- **Exercise objective**:
The number needed is how many lines in these entries contain "Plant"; give it alone.

- **Data shown**:
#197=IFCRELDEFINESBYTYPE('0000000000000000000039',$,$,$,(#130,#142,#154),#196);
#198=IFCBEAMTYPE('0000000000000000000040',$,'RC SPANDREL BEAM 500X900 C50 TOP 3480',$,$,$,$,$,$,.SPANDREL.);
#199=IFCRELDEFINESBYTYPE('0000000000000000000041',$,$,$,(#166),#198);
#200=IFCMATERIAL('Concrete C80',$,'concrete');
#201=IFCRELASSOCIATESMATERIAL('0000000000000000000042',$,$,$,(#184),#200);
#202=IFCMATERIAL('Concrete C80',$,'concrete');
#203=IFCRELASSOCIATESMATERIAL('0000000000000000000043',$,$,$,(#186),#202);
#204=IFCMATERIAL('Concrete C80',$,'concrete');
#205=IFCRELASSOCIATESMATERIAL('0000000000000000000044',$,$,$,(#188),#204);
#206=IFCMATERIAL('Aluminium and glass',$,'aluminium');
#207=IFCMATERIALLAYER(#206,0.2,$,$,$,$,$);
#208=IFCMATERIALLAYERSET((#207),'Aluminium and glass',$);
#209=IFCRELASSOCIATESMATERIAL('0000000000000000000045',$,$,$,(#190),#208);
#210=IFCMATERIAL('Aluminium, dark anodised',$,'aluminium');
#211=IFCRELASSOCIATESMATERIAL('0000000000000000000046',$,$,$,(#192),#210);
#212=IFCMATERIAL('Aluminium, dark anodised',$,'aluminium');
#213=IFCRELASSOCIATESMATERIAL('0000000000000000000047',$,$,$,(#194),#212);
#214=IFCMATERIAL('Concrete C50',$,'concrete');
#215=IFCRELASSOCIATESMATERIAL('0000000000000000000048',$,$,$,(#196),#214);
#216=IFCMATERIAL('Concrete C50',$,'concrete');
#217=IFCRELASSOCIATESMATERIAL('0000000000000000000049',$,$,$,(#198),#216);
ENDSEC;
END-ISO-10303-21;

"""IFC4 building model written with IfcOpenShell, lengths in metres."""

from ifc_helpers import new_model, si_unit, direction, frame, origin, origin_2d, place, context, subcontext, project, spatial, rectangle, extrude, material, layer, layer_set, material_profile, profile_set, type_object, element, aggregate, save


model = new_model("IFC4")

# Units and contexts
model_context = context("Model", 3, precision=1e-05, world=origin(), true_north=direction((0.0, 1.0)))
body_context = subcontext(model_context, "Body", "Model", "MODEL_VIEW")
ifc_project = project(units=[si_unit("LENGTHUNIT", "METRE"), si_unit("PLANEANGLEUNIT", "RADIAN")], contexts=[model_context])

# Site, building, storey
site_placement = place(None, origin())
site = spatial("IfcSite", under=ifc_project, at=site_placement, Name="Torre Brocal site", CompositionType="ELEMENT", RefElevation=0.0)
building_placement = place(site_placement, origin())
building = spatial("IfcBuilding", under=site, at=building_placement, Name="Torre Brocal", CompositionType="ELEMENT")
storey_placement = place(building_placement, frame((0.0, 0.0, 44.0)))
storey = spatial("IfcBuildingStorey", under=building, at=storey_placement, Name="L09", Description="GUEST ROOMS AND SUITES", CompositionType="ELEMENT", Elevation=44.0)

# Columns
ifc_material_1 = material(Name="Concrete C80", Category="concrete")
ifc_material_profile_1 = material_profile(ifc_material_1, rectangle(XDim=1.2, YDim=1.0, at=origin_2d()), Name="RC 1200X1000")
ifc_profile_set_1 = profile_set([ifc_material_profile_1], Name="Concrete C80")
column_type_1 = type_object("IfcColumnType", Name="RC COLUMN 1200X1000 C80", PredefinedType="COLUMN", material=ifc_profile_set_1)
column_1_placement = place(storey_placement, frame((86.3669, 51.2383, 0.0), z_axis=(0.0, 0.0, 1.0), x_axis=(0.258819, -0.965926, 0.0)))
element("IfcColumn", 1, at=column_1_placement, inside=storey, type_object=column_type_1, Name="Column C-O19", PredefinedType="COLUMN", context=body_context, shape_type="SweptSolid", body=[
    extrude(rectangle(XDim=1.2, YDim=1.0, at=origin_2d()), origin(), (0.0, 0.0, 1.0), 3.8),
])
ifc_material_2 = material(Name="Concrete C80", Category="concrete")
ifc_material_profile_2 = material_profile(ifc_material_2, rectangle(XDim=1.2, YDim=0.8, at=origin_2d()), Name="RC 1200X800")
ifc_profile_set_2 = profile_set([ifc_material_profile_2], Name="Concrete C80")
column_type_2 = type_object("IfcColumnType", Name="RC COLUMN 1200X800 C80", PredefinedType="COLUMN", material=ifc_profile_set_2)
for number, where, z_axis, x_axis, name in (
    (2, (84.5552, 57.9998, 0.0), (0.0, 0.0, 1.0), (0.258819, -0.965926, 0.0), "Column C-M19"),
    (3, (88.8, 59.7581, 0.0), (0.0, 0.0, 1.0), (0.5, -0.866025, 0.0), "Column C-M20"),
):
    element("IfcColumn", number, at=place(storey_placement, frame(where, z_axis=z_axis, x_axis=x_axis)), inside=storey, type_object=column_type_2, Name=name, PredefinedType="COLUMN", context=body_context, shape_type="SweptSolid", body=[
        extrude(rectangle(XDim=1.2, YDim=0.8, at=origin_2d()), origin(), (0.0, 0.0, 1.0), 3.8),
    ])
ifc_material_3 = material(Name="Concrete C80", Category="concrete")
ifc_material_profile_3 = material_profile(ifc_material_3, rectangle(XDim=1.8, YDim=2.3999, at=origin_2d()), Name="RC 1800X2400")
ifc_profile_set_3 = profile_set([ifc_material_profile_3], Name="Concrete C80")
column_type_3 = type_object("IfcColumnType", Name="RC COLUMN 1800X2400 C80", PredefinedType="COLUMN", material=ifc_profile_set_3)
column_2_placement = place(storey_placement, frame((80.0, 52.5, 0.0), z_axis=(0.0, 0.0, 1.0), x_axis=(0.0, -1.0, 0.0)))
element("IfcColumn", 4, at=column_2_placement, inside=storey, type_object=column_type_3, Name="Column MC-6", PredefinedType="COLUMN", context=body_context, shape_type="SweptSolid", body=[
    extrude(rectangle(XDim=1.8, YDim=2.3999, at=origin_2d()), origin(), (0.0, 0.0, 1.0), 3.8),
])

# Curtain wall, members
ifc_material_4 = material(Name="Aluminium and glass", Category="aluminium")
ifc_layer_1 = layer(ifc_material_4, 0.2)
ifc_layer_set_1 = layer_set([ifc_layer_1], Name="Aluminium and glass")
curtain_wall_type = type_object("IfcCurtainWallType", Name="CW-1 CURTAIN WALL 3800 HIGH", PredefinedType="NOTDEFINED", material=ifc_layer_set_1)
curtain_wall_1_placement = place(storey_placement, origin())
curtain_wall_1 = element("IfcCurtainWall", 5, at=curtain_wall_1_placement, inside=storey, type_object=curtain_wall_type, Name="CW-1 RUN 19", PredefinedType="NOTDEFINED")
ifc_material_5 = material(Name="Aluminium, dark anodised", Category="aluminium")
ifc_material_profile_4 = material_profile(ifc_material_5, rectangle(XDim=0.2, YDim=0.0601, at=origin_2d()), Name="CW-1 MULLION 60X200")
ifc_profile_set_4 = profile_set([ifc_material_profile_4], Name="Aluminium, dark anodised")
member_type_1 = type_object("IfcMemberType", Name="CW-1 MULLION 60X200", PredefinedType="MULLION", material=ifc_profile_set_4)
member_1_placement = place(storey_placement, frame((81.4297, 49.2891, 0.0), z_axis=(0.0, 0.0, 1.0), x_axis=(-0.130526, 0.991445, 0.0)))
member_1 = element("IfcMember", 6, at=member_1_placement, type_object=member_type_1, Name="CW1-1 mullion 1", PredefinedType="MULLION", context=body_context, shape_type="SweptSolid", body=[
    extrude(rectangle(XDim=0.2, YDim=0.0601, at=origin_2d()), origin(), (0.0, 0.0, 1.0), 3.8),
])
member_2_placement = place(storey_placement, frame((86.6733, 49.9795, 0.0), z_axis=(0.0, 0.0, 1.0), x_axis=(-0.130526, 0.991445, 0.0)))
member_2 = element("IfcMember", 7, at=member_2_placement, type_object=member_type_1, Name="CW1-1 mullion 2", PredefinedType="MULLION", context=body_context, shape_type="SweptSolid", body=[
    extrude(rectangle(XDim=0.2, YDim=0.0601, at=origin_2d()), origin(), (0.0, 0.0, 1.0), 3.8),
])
---
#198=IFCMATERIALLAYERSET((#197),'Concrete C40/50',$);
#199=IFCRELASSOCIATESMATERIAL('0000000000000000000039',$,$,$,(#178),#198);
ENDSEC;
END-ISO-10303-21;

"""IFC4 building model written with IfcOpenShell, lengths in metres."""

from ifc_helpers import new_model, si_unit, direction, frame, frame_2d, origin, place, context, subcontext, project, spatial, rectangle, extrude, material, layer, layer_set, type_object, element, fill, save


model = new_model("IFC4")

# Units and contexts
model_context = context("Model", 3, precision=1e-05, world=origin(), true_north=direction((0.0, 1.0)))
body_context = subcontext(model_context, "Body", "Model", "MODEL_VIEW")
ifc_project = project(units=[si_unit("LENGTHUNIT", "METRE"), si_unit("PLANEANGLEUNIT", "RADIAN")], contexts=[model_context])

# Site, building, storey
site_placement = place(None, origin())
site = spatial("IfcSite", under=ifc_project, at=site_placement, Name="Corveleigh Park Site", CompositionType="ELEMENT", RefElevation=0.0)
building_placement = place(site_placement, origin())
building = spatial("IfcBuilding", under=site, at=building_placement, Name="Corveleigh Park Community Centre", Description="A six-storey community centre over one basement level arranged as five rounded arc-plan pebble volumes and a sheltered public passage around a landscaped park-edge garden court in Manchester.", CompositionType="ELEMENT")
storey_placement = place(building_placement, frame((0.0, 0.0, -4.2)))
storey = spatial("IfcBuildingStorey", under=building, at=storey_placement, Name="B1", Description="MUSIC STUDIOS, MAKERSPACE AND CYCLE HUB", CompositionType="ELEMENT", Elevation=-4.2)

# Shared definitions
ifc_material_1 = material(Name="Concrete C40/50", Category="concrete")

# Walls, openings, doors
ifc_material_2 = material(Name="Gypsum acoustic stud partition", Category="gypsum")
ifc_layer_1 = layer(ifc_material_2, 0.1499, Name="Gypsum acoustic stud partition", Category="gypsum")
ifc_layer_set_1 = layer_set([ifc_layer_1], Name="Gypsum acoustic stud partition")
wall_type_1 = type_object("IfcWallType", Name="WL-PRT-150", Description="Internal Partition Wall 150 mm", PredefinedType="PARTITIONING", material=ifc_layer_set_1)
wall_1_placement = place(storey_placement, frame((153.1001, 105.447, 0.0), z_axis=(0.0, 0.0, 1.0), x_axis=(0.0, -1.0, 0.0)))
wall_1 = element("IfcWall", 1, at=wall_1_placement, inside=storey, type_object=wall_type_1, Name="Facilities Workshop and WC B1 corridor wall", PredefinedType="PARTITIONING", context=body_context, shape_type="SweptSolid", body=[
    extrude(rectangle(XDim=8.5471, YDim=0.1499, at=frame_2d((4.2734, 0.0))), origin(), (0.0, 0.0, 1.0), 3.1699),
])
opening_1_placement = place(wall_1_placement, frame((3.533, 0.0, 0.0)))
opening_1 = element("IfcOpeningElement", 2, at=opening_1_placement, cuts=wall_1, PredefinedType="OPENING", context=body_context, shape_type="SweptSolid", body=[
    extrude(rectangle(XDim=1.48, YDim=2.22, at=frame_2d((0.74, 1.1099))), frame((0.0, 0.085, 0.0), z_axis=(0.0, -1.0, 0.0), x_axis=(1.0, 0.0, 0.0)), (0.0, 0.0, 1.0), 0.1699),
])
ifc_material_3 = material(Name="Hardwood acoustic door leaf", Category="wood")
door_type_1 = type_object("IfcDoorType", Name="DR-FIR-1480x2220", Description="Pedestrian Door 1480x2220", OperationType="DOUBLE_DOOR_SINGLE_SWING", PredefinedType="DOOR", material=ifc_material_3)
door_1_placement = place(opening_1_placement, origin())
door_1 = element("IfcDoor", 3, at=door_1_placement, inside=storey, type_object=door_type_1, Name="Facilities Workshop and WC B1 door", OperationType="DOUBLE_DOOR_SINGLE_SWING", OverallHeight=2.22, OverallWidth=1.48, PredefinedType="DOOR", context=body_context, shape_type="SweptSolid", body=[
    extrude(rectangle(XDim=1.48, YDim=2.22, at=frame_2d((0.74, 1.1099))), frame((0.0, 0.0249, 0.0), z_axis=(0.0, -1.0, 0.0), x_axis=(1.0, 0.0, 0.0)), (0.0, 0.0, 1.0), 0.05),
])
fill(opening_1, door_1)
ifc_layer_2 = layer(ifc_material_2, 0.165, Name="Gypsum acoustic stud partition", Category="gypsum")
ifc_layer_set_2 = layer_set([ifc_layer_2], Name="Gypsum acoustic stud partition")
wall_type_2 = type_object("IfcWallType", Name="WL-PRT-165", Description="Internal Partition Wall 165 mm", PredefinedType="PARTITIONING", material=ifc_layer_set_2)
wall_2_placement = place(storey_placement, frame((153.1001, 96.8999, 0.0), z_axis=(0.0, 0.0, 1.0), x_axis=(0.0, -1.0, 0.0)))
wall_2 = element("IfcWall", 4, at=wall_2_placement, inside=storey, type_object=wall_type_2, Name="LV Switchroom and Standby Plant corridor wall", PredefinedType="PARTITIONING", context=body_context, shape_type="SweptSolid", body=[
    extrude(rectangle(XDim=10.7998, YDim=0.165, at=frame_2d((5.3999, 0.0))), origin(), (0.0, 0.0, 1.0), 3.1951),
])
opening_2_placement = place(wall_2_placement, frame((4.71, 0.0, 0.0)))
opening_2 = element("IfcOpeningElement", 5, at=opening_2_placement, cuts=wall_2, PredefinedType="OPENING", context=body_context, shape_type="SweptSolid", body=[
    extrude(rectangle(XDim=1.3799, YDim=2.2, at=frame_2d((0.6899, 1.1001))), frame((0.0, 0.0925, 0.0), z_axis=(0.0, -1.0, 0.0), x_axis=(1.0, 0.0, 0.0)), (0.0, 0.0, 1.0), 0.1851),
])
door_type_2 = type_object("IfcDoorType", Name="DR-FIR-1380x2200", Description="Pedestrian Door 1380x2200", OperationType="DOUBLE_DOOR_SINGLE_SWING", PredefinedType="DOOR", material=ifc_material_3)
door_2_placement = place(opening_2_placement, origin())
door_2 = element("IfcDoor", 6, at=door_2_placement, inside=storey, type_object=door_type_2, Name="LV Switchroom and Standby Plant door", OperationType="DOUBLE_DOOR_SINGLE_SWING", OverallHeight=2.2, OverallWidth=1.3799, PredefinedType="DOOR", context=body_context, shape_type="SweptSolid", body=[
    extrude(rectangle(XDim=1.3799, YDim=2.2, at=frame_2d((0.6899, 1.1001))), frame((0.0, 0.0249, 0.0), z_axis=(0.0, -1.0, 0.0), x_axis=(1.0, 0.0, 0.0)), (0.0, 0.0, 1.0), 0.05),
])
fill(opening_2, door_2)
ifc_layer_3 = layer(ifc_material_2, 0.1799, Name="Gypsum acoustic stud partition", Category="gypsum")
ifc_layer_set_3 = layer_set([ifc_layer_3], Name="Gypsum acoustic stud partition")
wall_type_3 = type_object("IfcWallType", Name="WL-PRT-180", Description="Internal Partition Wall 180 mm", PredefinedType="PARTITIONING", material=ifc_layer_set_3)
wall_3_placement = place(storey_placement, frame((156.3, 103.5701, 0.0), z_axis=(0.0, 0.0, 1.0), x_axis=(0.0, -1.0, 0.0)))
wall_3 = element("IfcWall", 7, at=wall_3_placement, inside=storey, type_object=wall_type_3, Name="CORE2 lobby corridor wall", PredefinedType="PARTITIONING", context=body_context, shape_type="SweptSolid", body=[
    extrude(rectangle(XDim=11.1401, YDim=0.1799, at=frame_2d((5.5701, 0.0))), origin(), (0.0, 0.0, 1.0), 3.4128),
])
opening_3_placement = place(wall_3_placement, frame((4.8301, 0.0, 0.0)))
...
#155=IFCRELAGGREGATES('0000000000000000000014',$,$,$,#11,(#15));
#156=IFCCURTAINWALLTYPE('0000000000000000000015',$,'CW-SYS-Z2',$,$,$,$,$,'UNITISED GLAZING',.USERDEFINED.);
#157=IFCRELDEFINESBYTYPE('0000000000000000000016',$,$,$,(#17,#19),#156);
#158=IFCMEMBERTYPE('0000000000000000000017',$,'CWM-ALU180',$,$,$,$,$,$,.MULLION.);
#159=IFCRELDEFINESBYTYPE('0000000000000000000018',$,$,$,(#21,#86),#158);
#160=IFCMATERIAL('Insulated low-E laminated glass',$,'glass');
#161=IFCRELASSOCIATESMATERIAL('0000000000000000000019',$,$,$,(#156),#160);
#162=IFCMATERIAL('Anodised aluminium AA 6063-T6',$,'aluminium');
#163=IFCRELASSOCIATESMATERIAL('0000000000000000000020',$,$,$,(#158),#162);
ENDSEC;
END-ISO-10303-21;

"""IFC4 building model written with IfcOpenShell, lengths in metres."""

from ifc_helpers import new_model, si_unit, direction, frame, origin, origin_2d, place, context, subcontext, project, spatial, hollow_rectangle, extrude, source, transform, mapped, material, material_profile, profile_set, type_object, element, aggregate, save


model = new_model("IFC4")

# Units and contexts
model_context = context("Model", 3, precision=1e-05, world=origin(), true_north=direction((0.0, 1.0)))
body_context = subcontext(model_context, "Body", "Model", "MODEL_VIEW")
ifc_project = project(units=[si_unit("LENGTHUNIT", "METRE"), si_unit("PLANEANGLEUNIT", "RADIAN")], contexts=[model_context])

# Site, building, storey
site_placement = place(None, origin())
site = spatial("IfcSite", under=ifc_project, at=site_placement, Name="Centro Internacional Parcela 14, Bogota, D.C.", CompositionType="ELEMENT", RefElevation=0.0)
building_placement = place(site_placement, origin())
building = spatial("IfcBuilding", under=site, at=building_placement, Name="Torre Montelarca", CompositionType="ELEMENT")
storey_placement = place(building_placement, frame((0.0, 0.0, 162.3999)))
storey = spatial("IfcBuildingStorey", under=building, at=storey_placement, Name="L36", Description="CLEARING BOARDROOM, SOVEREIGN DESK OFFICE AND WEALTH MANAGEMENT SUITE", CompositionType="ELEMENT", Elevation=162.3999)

- **Output below**:
2